Collected data:
──────────

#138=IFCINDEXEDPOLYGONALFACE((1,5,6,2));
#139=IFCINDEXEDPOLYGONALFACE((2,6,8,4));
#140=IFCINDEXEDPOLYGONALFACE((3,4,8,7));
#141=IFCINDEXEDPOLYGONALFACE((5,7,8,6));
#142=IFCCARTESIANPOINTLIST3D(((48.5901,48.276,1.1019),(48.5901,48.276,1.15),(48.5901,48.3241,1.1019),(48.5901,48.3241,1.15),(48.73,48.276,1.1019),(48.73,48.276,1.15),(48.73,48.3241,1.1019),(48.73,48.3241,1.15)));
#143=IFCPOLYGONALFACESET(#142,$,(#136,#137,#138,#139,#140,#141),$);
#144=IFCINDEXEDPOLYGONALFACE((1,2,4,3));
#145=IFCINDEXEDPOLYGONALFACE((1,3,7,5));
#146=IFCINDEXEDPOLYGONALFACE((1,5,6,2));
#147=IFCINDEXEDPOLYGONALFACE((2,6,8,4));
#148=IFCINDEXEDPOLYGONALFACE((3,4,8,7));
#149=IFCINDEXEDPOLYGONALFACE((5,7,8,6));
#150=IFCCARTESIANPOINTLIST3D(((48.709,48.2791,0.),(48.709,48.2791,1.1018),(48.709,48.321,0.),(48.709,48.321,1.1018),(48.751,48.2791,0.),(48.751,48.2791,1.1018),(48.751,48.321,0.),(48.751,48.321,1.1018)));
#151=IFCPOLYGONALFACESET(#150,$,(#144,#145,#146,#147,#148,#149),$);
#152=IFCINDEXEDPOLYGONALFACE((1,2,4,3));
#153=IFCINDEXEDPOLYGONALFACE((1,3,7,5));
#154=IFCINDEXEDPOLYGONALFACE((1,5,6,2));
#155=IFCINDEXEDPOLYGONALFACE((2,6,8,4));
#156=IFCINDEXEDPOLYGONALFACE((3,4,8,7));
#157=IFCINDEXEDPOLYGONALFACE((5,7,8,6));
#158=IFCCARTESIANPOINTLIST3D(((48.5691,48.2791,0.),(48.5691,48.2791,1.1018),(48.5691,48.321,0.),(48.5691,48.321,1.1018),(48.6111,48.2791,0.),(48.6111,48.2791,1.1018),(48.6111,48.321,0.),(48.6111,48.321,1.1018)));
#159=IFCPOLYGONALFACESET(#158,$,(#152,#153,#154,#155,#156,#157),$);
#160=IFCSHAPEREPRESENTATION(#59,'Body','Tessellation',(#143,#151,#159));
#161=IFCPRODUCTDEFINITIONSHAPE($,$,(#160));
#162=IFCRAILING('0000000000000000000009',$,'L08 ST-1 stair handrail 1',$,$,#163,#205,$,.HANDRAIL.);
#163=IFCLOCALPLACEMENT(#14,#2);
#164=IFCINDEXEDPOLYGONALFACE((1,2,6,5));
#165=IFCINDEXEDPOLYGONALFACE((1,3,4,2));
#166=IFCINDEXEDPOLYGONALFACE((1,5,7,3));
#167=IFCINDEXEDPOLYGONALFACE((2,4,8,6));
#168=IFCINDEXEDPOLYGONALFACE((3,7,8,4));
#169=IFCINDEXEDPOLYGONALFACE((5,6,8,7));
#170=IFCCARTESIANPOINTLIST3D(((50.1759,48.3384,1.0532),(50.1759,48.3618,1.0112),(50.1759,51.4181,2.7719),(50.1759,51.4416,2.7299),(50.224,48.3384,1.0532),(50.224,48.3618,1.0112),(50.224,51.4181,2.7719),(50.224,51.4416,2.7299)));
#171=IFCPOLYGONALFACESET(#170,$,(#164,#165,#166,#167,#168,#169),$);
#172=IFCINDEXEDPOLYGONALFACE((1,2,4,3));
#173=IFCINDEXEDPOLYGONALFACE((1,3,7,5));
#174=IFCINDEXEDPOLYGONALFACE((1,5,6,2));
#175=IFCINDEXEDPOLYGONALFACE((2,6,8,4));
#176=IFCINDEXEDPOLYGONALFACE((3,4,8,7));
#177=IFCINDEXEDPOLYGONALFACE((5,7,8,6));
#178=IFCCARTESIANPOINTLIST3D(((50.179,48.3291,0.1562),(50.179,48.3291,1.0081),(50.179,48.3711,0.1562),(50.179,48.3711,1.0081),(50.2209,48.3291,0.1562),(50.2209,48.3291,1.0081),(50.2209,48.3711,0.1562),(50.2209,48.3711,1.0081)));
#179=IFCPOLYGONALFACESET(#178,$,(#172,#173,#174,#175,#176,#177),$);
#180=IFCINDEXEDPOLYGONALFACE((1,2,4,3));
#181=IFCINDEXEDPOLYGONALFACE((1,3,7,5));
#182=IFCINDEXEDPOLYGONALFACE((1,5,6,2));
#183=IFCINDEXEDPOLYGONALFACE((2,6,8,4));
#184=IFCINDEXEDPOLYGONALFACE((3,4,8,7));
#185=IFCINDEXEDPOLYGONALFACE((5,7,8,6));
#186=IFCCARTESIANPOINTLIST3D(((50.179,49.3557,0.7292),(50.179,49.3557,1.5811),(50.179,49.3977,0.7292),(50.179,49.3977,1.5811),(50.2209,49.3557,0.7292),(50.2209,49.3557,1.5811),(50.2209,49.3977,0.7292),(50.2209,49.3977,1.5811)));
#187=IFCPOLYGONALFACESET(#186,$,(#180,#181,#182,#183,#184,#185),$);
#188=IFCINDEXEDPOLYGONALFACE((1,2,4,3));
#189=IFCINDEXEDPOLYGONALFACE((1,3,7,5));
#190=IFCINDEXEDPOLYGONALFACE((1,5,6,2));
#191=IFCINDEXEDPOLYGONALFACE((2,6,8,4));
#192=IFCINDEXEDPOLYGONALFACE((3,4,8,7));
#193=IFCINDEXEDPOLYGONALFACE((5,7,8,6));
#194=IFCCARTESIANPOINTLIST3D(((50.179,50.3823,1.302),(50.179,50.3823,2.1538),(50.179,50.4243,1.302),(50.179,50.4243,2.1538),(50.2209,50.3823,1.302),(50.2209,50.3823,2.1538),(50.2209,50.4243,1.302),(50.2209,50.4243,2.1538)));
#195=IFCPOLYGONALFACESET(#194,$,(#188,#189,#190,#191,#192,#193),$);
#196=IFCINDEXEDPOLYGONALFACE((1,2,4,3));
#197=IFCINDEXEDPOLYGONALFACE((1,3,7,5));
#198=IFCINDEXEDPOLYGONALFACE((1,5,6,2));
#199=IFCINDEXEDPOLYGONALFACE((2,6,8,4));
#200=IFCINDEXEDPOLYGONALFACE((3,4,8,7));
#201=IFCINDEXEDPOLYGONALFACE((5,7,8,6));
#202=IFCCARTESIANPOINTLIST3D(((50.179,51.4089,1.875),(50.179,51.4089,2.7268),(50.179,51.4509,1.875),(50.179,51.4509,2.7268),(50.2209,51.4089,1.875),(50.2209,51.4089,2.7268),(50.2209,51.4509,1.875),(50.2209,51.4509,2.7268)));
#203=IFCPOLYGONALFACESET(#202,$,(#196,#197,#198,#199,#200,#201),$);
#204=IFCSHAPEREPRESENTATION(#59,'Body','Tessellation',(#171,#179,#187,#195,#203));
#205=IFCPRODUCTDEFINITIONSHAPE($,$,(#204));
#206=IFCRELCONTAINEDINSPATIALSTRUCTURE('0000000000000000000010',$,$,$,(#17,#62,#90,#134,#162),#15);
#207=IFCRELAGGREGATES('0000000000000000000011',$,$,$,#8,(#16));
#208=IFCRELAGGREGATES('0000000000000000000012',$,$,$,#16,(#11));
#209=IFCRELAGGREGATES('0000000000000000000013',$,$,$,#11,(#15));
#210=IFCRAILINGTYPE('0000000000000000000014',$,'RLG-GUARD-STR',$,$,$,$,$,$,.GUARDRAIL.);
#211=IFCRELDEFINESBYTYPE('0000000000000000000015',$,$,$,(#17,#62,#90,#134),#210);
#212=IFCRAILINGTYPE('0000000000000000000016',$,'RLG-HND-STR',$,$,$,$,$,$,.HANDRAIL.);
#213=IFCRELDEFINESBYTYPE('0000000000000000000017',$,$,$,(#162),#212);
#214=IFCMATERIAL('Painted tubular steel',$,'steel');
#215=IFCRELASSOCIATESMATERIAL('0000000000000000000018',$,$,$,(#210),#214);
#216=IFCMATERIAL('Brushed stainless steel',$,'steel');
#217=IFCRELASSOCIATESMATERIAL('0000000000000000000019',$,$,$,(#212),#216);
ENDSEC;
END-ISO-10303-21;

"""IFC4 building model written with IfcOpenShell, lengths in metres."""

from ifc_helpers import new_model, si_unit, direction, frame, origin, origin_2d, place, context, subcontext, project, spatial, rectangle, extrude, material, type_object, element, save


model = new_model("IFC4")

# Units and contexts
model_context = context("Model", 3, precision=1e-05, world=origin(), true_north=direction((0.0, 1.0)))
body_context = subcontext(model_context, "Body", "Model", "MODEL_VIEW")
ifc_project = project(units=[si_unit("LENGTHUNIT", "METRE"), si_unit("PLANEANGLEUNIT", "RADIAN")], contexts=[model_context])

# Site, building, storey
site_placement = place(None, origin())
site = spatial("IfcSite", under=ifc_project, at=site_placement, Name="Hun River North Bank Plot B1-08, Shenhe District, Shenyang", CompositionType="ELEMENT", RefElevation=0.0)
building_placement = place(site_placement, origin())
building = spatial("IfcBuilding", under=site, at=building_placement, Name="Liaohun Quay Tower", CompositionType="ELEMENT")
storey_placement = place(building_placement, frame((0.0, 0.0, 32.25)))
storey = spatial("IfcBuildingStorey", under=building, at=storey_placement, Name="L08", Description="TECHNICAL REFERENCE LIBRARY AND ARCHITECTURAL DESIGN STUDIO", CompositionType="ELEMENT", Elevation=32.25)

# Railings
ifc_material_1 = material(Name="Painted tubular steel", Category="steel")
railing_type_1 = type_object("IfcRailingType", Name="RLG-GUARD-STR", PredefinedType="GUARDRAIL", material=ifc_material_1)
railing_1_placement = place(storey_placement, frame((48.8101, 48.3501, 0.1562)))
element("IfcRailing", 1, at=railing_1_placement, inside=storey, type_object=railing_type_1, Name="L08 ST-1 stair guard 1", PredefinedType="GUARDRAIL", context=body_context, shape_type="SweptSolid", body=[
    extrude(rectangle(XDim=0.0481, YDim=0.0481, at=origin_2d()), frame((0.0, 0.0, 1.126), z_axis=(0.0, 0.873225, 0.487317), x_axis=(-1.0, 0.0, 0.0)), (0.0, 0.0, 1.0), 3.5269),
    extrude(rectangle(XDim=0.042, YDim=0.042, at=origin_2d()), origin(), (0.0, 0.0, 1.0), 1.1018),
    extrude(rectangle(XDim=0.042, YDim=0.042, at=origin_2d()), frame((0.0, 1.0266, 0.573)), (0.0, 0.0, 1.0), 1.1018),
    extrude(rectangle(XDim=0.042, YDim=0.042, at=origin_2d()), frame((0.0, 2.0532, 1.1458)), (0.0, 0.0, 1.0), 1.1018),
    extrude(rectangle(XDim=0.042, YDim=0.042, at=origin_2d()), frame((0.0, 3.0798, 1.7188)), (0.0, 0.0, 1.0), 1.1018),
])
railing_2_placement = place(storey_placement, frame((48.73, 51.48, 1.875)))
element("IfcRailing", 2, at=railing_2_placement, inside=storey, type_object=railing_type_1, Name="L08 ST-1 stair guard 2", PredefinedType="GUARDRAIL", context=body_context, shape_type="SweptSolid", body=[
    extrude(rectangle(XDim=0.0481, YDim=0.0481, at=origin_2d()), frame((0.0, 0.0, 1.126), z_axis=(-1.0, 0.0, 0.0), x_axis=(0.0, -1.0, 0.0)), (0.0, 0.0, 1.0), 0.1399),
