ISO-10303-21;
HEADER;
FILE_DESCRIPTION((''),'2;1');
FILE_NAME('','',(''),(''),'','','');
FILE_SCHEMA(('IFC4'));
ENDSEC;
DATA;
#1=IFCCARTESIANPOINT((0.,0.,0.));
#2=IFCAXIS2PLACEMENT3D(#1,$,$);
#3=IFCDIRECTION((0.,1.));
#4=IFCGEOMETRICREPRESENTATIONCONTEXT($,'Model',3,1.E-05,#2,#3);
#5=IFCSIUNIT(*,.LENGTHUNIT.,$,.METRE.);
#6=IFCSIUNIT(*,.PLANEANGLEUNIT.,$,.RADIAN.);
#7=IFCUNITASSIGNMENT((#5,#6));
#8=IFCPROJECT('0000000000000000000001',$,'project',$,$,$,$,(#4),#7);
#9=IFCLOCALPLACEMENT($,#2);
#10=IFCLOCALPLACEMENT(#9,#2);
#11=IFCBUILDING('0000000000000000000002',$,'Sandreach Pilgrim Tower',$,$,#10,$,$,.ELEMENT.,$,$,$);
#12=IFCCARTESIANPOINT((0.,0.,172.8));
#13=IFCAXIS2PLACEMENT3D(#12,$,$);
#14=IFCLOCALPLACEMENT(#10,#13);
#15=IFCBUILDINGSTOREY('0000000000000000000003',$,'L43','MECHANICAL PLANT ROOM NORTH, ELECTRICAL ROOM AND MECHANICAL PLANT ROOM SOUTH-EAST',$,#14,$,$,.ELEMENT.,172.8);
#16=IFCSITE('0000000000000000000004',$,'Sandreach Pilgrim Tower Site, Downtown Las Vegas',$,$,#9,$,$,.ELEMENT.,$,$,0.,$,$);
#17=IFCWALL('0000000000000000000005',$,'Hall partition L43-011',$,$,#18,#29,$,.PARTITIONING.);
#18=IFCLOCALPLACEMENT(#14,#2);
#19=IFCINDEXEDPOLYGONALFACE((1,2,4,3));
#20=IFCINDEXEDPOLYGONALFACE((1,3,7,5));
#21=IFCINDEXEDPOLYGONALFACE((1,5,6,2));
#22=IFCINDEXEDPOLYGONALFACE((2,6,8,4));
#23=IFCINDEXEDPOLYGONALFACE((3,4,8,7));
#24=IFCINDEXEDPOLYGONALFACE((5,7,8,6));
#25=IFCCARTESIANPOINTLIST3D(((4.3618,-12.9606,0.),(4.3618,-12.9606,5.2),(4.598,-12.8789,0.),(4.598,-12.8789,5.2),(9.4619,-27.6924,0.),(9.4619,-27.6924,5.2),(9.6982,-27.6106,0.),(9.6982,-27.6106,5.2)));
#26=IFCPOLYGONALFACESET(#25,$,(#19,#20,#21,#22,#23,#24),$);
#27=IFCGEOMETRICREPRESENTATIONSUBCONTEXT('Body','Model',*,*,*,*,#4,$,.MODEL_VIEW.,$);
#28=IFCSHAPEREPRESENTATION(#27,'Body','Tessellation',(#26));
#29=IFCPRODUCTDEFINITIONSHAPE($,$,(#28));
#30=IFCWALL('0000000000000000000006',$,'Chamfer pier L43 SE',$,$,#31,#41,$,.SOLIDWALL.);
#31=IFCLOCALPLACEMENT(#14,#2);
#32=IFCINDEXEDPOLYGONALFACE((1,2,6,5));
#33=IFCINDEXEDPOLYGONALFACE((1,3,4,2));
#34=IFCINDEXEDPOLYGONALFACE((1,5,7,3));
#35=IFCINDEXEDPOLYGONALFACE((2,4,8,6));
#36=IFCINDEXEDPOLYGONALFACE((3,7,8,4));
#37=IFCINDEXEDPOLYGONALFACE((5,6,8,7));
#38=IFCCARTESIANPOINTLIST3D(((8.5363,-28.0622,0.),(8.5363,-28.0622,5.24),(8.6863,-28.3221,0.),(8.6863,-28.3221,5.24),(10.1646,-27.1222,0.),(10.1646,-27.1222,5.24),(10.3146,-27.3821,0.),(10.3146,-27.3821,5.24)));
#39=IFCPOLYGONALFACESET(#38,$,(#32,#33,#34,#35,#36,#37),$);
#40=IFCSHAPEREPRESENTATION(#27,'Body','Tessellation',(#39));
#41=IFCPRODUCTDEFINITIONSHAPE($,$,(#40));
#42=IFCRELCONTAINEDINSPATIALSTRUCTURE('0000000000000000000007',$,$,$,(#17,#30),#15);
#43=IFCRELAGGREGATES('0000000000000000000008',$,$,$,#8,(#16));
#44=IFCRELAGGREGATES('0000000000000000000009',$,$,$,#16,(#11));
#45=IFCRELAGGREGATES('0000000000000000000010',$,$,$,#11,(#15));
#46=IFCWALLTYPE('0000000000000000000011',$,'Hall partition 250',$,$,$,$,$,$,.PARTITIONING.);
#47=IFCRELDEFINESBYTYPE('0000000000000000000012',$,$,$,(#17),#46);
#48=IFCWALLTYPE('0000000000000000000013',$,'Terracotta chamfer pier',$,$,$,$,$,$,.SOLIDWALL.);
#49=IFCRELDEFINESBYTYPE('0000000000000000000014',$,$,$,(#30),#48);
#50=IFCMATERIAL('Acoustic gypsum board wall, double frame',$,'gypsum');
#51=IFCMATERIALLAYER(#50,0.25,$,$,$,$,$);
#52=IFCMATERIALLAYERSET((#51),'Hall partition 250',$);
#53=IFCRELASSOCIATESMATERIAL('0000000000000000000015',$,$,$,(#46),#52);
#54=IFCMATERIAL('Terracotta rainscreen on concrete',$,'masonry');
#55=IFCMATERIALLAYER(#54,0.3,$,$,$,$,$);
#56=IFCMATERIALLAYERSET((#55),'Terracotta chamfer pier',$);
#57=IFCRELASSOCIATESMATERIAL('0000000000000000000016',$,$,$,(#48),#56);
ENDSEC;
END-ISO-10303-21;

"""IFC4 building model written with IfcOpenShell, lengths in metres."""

from ifc_helpers import new_model, si_unit, direction, frame, frame_2d, origin, place, context, subcontext, project, spatial, rectangle, extrude, material, layer, layer_set, type_object, element, save


model = new_model("IFC4")

# Units and contexts
model_context = context("Model", 3, precision=1e-05, world=origin(), true_north=direction((0.0, 1.0)))
body_context = subcontext(model_context, "Body", "Model", "MODEL_VIEW")
ifc_project = project(units=[si_unit("LENGTHUNIT", "METRE"), si_unit("PLANEANGLEUNIT", "RADIAN")], contexts=[model_context])

# Site, building, storey
site_placement = place(None, origin())
site = spatial("IfcSite", under=ifc_project, at=site_placement, Name="Sandreach Pilgrim Tower Site, Downtown Las Vegas", CompositionType="ELEMENT", RefElevation=0.0)
building_placement = place(site_placement, origin())
building = spatial("IfcBuilding", under=site, at=building_placement, Name="Sandreach Pilgrim Tower", CompositionType="ELEMENT")
storey_placement = place(building_placement, frame((0.0, 0.0, 172.8)))
storey = spatial("IfcBuildingStorey", under=building, at=storey_placement, Name="L43", Description="MECHANICAL PLANT ROOM NORTH, ELECTRICAL ROOM AND MECHANICAL PLANT ROOM SOUTH-EAST", CompositionType="ELEMENT", Elevation=172.8)

# Walls
ifc_material_1 = material(Name="Acoustic gypsum board wall, double frame", Category="gypsum")
ifc_layer_1 = layer(ifc_material_1, 0.25)
ifc_layer_set_1 = layer_set([ifc_layer_1], Name="Hall partition 250")
wall_type_1 = type_object("IfcWallType", Name="Hall partition 250", PredefinedType="PARTITIONING", material=ifc_layer_set_1)
wall_1_placement = place(storey_placement, frame((9.5801, -27.6516, 0.0), z_axis=(0.0, 0.0, 1.0), x_axis=(-0.327149, 0.944973, 0.0)))
element("IfcWall", 1, at=wall_1_placement, inside=storey, type_object=wall_type_1, Name="Hall partition L43-011", PredefinedType="PARTITIONING", context=body_context, shape_type="SweptSolid", body=[
    extrude(rectangle(XDim=15.5896, YDim=0.25, at=frame_2d((7.7949, 0.0))), origin(), (0.0, 0.0, 1.0), 5.2),
])
ifc_material_2 = material(Name="Terracotta rainscreen on concrete", Category="masonry")
ifc_layer_2 = layer(ifc_material_2, 0.3)
ifc_layer_set_2 = layer_set([ifc_layer_2], Name="Terracotta chamfer pier")
wall_type_2 = type_object("IfcWallType", Name="Terracotta chamfer pier", PredefinedType="SOLIDWALL", material=ifc_layer_set_2)
wall_2_placement = place(storey_placement, frame((10.2395, -27.2522, 0.0), z_axis=(0.0, 0.0, 1.0), x_axis=(-0.866045, -0.499966, 0.0)))
element("IfcWall", 2, at=wall_2_placement, inside=storey, type_object=wall_type_2, Name="Chamfer pier L43 SE", PredefinedType="SOLIDWALL", context=body_context, shape_type="SweptSolid", body=[
    extrude(rectangle(XDim=1.8801, YDim=0.3, at=frame_2d((0.9399, 0.0))), origin(), (0.0, 0.0, 1.0), 5.24),
])

save(model, "model.ifc")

──────────

WHAT TO DO:
Look over the records above and copy each line that includes the string "steel".

WRITTEN SOLUTION:
#214=IFCMATERIAL('Painted tubular steel',$,'steel');
#216=IFCMATERIAL('Brushed stainless steel',$,'steel');
ifc_material_1 = material(Name="Painted tubular steel", Category="steel")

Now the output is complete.